The problem:
After locating the line with "#127=IFCPRODUCTDEFINITIONSHAPE($,$,(#126));" in the data that follows, return it and every later line exactly, up to and including the line with "#146=IFCINDEXEDPOLYGONALFACE((1,2,4,3));".

################

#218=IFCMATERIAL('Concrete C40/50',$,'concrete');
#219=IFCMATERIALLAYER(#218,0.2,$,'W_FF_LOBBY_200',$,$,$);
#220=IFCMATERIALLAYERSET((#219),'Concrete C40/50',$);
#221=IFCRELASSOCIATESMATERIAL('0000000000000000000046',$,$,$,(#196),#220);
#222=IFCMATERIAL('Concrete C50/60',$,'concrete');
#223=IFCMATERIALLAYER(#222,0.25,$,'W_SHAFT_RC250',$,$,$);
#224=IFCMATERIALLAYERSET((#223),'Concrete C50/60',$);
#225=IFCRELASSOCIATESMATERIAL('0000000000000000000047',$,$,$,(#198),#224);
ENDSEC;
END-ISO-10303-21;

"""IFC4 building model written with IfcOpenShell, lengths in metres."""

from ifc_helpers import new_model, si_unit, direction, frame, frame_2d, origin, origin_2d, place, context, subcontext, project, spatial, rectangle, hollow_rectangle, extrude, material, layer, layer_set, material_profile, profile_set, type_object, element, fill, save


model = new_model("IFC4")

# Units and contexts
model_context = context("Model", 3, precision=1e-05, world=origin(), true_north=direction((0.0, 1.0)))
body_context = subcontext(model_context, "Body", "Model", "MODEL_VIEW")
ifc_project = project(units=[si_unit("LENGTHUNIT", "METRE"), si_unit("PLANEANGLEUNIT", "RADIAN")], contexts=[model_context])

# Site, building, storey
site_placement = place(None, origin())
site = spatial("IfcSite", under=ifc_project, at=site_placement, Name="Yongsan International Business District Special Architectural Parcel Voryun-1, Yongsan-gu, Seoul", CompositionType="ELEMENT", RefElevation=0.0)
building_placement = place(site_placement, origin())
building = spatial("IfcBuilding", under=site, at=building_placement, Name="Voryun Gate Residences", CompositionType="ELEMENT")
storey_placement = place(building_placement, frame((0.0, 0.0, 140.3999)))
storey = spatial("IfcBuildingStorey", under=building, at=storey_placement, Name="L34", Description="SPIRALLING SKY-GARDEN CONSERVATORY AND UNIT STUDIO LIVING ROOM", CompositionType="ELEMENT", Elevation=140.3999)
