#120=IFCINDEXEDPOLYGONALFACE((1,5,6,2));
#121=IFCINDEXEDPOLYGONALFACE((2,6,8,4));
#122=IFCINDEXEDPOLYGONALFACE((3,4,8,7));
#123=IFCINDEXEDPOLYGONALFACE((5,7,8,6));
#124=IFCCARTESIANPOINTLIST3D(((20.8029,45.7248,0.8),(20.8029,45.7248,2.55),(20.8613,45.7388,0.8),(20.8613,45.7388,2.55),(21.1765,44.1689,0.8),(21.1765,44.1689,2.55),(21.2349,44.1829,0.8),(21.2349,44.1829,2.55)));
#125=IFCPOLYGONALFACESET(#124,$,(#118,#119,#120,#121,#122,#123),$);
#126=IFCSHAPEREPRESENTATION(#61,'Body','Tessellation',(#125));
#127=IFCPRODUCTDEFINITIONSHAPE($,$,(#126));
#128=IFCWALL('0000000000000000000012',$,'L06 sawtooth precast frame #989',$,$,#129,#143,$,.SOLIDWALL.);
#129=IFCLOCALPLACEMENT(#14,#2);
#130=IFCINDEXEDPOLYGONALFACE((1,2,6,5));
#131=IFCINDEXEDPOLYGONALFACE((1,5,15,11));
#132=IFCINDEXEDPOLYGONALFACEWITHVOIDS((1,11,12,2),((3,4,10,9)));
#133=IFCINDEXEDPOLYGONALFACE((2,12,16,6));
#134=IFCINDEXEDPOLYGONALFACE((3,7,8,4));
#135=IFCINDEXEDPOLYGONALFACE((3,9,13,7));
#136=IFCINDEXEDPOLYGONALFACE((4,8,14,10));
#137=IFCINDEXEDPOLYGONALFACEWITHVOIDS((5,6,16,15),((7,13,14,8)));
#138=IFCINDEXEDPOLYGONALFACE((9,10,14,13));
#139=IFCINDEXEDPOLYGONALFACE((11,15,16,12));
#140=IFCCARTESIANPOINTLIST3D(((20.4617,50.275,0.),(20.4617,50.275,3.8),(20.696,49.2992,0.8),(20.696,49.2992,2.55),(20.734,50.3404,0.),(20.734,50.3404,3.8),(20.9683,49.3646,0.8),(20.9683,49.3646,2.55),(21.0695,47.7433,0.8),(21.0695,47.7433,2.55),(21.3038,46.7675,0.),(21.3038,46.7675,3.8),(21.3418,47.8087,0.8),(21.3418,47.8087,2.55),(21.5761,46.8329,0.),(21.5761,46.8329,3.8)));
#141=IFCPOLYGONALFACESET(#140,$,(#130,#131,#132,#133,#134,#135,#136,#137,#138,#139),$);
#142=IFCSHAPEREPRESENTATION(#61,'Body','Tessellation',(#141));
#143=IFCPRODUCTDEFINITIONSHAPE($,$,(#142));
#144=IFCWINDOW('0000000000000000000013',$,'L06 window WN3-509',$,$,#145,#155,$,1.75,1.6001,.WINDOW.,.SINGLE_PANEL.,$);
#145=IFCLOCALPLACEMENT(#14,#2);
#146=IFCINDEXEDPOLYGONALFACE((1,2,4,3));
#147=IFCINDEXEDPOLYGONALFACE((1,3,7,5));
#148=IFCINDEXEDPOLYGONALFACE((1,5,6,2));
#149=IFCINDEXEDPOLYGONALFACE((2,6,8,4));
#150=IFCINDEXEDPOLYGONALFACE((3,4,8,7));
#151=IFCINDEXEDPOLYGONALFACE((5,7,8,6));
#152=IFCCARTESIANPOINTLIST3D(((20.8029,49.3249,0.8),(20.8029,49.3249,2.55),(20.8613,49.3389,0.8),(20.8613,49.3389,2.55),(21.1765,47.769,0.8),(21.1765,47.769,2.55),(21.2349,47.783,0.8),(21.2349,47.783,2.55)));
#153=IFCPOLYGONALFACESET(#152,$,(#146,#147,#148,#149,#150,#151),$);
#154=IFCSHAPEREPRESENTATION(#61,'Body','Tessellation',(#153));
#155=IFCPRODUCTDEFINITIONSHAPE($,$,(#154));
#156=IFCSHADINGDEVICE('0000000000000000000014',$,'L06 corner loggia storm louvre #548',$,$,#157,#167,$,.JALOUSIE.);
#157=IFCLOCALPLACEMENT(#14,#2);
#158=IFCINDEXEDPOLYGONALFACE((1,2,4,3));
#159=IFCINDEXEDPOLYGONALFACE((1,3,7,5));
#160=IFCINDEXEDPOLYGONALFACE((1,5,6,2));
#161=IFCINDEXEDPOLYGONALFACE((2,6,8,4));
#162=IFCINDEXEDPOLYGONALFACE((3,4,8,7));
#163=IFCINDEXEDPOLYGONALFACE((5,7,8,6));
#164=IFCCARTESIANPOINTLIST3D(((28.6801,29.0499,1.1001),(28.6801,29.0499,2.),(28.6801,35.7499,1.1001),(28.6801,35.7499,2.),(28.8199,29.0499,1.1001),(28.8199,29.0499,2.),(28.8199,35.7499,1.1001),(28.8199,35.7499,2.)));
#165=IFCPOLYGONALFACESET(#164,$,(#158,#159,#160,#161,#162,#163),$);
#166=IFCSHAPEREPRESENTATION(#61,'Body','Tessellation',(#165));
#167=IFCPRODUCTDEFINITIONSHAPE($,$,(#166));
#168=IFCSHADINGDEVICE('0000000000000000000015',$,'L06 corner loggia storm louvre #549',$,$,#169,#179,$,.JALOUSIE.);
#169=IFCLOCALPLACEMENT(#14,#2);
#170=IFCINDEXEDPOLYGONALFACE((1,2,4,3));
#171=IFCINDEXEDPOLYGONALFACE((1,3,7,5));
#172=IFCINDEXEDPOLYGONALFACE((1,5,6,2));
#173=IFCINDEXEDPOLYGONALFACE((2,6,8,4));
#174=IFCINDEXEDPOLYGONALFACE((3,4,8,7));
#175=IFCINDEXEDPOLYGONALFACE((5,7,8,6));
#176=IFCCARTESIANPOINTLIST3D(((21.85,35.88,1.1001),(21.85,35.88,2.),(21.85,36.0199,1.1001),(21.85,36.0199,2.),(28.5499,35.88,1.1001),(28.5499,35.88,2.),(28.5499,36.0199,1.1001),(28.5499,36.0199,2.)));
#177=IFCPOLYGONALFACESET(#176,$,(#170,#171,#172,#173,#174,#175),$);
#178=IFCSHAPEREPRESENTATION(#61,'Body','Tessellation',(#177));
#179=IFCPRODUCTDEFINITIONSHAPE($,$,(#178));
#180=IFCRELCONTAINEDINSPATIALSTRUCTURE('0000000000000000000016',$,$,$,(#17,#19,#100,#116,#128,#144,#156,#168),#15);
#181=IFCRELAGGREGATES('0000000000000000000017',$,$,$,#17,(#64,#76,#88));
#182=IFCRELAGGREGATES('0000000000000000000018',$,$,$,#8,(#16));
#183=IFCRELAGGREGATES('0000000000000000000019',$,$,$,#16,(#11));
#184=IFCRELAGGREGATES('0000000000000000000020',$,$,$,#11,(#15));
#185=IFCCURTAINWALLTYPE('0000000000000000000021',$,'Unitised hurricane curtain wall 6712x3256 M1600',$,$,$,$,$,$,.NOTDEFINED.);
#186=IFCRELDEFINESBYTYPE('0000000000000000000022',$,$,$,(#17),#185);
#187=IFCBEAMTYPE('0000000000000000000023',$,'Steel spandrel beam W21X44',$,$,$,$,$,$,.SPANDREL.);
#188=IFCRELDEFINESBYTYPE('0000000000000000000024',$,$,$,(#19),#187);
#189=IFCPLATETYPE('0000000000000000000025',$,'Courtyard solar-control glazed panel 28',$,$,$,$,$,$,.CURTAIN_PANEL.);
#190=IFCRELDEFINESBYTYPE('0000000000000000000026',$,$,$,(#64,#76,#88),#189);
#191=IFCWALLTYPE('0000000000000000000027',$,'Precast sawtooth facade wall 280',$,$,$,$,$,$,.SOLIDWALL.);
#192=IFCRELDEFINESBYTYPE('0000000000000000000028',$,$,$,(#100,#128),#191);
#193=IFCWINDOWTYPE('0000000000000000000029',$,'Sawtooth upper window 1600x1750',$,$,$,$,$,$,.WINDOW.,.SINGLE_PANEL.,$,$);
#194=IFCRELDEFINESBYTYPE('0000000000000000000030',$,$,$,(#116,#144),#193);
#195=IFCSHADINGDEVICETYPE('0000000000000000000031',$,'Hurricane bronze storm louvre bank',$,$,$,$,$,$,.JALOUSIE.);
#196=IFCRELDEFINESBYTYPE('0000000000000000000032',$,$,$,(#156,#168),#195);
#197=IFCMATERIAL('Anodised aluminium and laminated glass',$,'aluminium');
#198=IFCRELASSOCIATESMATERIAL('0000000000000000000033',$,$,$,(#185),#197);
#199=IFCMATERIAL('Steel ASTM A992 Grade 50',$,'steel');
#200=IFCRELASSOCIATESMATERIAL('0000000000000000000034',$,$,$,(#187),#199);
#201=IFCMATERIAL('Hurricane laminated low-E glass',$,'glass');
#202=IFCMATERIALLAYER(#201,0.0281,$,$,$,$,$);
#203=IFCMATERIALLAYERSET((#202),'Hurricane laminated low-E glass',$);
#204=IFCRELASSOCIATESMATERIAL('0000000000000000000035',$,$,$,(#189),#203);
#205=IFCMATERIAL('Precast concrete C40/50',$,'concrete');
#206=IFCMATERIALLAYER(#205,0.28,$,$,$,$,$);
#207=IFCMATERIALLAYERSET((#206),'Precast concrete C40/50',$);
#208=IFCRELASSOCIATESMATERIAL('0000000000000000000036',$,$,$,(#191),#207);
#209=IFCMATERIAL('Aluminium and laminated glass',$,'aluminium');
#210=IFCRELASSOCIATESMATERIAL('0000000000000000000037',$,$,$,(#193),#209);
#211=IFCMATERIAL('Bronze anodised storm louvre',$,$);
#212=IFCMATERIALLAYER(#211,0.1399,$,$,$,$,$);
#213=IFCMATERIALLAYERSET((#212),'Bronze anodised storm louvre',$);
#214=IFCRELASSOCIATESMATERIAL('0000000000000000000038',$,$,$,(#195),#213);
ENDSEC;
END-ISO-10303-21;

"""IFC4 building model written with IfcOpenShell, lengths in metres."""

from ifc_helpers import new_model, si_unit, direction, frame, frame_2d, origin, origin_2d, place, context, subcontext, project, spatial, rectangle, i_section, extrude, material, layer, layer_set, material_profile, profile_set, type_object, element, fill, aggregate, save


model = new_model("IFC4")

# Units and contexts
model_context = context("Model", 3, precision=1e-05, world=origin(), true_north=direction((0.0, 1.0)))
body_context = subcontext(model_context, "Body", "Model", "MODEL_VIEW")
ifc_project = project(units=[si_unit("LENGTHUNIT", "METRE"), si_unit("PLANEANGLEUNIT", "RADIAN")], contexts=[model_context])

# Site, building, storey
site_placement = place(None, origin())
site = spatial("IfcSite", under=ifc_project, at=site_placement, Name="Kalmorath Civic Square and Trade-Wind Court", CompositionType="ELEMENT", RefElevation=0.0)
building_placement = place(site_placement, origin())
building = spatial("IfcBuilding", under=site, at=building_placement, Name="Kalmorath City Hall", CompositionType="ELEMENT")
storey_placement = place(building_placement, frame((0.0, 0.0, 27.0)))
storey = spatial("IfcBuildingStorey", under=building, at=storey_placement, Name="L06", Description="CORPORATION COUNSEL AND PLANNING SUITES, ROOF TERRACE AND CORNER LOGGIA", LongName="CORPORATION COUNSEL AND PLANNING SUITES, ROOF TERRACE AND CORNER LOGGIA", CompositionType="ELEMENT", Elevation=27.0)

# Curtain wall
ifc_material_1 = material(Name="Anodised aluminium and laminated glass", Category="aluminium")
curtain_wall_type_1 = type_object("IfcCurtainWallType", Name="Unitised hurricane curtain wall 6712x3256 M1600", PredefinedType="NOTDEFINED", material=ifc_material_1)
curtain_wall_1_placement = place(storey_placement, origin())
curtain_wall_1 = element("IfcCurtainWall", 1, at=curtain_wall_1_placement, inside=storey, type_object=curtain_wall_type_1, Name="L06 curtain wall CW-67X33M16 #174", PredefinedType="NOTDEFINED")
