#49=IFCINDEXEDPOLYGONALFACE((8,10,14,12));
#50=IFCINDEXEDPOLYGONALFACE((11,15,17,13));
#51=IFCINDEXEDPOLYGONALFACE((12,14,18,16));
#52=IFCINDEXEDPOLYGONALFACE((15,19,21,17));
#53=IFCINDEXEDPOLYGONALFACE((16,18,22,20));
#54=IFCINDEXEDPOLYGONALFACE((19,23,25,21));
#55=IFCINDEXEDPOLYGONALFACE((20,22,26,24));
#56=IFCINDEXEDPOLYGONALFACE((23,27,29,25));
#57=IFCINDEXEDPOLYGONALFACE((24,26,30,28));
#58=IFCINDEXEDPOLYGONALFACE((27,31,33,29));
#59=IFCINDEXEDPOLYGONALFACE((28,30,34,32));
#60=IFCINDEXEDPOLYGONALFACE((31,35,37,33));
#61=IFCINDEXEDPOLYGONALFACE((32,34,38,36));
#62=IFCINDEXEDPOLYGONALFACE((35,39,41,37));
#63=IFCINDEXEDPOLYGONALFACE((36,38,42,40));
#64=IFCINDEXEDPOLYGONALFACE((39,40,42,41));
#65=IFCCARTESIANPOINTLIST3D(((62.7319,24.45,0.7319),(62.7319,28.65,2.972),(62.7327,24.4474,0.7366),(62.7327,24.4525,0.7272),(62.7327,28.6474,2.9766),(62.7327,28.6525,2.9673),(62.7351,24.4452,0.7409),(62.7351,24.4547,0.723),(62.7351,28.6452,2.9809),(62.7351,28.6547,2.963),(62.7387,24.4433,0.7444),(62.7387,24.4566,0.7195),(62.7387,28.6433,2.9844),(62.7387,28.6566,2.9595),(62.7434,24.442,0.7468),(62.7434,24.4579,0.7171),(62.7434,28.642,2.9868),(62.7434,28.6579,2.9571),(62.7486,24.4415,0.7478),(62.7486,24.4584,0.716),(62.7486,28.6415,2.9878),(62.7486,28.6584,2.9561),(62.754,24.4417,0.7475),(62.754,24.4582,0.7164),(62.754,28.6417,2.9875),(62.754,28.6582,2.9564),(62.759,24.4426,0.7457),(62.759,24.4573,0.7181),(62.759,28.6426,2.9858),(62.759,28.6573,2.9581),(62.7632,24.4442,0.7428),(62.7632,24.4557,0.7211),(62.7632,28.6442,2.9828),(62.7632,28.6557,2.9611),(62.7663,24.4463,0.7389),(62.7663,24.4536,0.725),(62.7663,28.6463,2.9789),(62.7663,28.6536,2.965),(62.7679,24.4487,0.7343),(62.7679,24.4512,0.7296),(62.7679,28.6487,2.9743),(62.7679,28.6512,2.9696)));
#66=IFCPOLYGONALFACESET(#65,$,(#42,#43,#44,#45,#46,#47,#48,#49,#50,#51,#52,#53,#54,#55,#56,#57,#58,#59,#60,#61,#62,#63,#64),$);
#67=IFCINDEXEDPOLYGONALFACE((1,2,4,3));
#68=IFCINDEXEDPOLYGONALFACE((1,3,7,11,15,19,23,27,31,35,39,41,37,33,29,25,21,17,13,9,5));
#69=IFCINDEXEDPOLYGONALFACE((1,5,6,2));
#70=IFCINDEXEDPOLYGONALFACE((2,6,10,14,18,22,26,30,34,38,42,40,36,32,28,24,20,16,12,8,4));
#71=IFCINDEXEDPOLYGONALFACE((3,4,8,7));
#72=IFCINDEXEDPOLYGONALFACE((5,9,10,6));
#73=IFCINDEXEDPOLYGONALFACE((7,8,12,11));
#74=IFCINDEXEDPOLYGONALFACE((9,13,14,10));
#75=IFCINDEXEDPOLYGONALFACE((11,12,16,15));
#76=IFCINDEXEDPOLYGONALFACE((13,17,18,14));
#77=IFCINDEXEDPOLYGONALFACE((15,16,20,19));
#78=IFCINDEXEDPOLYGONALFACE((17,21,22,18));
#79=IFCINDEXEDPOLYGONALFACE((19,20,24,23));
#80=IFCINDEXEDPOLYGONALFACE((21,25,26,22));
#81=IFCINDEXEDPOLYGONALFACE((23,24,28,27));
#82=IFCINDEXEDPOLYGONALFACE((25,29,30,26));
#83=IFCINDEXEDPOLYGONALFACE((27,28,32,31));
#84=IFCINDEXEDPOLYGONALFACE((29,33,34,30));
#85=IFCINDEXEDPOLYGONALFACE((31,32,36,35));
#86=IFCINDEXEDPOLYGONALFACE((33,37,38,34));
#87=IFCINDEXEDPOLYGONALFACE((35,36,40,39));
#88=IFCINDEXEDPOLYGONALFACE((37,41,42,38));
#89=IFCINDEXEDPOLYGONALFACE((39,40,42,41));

################

Task output:
#127=IFCPRODUCTDEFINITIONSHAPE($,$,(#126));
#128=IFCWALL('0000000000000000000012',$,'L06 sawtooth precast frame #989',$,$,#129,#143,$,.SOLIDWALL.);
#129=IFCLOCALPLACEMENT(#14,#2);
#130=IFCINDEXEDPOLYGONALFACE((1,2,6,5));
#131=IFCINDEXEDPOLYGONALFACE((1,5,15,11));
#132=IFCINDEXEDPOLYGONALFACEWITHVOIDS((1,11,12,2),((3,4,10,9)));
#133=IFCINDEXEDPOLYGONALFACE((2,12,16,6));
#134=IFCINDEXEDPOLYGONALFACE((3,7,8,4));
#135=IFCINDEXEDPOLYGONALFACE((3,9,13,7));
#136=IFCINDEXEDPOLYGONALFACE((4,8,14,10));
#137=IFCINDEXEDPOLYGONALFACEWITHVOIDS((5,6,16,15),((7,13,14,8)));
#138=IFCINDEXEDPOLYGONALFACE((9,10,14,13));
#139=IFCINDEXEDPOLYGONALFACE((11,15,16,12));
#140=IFCCARTESIANPOINTLIST3D(((20.4617,50.275,0.),(20.4617,50.275,3.8),(20.696,49.2992,0.8),(20.696,49.2992,2.55),(20.734,50.3404,0.),(20.734,50.3404,3.8),(20.9683,49.3646,0.8),(20.9683,49.3646,2.55),(21.0695,47.7433,0.8),(21.0695,47.7433,2.55),(21.3038,46.7675,0.),(21.3038,46.7675,3.8),(21.3418,47.8087,0.8),(21.3418,47.8087,2.55),(21.5761,46.8329,0.),(21.5761,46.8329,3.8)));
#141=IFCPOLYGONALFACESET(#140,$,(#130,#131,#132,#133,#134,#135,#136,#137,#138,#139),$);
#142=IFCSHAPEREPRESENTATION(#61,'Body','Tessellation',(#141));
#143=IFCPRODUCTDEFINITIONSHAPE($,$,(#142));
#144=IFCWINDOW('0000000000000000000013',$,'L06 window WN3-509',$,$,#145,#155,$,1.75,1.6001,.WINDOW.,.SINGLE_PANEL.,$);
#145=IFCLOCALPLACEMENT(#14,#2);
#146=IFCINDEXEDPOLYGONALFACE((1,2,4,3));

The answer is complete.